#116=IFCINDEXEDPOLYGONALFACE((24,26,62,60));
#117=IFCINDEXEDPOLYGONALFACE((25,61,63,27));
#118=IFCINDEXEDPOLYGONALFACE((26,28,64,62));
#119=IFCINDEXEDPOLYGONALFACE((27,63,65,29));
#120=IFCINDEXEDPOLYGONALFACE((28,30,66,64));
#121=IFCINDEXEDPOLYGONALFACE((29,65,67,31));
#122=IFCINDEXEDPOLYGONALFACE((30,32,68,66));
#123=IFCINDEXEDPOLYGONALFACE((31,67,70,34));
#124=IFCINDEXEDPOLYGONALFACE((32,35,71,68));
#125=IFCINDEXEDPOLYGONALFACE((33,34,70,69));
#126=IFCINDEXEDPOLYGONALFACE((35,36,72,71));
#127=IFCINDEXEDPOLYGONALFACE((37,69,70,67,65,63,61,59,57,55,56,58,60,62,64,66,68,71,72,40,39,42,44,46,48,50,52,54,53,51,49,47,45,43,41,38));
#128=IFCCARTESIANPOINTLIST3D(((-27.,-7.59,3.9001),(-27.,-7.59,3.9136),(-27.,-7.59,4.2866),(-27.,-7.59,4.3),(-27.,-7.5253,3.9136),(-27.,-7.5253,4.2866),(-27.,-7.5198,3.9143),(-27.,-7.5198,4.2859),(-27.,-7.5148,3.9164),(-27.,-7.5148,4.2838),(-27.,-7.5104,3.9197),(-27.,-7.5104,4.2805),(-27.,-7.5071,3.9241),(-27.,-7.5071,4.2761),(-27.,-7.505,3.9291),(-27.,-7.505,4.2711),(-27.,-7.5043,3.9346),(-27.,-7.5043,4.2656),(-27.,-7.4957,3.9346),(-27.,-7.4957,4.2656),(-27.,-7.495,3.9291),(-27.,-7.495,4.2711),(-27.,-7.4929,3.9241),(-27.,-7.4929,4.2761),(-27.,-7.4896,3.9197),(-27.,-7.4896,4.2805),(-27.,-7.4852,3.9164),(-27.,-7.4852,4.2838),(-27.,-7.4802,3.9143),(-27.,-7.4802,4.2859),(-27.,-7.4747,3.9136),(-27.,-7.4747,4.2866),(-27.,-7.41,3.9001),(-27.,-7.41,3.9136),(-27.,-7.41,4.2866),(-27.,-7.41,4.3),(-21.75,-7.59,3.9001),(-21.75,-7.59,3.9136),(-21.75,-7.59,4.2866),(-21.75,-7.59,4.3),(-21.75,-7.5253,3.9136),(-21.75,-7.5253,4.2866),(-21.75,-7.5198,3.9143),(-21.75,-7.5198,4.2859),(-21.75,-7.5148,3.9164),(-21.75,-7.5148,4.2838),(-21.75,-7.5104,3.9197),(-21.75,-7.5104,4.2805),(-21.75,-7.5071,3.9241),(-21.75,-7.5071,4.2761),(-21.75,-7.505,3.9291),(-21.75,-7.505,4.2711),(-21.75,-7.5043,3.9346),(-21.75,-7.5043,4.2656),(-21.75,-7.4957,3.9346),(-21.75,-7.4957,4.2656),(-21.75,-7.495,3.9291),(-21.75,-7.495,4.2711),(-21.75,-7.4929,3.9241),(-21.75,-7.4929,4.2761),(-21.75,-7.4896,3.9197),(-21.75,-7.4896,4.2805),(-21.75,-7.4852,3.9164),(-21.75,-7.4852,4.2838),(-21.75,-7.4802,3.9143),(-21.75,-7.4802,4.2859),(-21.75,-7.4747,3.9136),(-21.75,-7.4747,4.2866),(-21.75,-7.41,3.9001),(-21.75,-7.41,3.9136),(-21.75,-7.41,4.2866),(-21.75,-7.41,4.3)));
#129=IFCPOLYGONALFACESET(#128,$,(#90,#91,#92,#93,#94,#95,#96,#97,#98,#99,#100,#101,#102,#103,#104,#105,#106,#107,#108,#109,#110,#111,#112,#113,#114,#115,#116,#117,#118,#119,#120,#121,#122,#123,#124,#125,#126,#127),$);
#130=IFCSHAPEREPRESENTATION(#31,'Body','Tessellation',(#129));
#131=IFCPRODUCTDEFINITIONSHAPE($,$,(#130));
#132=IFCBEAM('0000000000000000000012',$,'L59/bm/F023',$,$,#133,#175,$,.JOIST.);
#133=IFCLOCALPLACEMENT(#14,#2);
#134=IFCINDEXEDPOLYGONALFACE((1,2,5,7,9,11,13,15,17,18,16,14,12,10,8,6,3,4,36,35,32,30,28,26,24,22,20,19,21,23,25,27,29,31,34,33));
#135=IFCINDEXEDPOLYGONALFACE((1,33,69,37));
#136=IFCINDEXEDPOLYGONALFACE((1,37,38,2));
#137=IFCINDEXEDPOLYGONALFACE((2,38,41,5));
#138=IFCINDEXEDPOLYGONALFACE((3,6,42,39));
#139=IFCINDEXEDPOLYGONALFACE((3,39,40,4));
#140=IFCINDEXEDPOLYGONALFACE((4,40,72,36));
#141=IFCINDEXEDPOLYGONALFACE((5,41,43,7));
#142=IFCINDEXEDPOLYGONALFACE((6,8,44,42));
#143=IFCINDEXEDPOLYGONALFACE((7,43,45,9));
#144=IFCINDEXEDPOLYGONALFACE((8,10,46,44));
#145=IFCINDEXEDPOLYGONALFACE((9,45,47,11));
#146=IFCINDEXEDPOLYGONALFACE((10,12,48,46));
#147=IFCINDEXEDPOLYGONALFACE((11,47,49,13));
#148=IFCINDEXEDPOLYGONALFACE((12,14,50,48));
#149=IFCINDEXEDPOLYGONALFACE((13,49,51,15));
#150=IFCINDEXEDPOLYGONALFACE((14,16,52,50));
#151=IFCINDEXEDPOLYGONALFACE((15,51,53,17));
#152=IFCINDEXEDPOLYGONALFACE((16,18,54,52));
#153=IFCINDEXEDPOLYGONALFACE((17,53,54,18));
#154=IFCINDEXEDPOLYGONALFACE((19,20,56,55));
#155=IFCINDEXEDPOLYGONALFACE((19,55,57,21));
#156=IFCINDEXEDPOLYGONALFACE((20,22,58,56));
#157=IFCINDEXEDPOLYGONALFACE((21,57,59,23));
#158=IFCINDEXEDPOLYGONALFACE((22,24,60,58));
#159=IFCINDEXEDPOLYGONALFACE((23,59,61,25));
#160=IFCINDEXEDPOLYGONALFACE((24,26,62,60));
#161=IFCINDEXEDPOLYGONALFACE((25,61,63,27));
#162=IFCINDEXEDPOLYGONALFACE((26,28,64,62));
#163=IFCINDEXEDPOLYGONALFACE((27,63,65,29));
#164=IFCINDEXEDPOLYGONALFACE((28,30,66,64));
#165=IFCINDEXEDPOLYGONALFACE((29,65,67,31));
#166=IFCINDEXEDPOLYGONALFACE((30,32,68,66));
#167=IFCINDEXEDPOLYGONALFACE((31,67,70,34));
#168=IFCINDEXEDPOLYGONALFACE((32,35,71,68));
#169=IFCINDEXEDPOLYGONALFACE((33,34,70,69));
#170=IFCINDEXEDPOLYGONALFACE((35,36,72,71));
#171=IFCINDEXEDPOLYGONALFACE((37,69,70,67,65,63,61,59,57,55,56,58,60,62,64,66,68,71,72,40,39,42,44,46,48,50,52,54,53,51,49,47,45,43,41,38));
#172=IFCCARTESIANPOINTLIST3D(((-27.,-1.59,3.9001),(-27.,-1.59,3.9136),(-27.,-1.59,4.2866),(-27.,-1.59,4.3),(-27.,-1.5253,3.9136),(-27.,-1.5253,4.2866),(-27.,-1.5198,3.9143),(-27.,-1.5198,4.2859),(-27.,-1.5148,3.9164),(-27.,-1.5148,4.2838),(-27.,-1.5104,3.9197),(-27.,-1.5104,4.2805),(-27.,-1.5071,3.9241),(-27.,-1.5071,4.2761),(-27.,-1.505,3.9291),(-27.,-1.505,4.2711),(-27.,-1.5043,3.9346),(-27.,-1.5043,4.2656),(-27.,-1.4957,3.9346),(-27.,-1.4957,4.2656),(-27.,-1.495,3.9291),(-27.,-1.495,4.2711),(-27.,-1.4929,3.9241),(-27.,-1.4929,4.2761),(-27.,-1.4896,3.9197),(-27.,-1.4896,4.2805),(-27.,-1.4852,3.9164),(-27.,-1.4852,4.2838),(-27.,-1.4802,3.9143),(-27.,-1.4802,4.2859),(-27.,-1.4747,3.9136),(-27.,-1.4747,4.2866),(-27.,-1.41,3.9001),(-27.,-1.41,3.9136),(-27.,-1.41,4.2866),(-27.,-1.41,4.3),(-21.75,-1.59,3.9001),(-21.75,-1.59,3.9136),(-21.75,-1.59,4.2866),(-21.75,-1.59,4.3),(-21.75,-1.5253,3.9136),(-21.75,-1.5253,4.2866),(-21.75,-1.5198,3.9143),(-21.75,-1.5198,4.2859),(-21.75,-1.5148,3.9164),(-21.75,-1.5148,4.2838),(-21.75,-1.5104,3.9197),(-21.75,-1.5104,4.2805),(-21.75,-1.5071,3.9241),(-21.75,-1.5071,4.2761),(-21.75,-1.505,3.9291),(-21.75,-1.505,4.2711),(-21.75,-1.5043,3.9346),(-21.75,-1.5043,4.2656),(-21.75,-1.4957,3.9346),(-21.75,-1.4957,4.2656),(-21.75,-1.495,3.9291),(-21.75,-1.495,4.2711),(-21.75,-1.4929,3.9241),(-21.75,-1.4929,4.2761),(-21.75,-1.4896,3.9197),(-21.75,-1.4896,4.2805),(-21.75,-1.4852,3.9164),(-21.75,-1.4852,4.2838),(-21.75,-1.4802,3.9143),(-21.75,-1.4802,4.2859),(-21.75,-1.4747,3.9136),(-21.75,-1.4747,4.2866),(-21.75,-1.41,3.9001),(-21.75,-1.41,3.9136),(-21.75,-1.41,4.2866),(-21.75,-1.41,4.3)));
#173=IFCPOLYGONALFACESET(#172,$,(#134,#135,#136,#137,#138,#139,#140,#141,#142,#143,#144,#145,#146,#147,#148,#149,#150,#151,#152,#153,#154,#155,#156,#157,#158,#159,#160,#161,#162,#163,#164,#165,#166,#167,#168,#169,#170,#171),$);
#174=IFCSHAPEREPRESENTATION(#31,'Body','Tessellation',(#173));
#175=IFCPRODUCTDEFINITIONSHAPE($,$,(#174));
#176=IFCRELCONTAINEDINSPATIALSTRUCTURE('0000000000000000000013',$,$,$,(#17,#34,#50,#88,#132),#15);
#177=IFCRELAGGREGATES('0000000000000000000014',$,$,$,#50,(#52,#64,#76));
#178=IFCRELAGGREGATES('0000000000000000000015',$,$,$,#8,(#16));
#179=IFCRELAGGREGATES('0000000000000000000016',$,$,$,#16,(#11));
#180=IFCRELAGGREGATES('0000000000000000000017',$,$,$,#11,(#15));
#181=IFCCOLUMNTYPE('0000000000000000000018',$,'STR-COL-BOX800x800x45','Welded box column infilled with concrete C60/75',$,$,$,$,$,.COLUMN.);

* Exercise aim
The lines in the entries above that carry the word "IFCSHAPEREPRESENTATION" must be copied.

* Reply
#130=IFCSHAPEREPRESENTATION(#31,'Body','Tessellation',(#129));
#174=IFCSHAPEREPRESENTATION(#31,'Body','Tessellation',(#173));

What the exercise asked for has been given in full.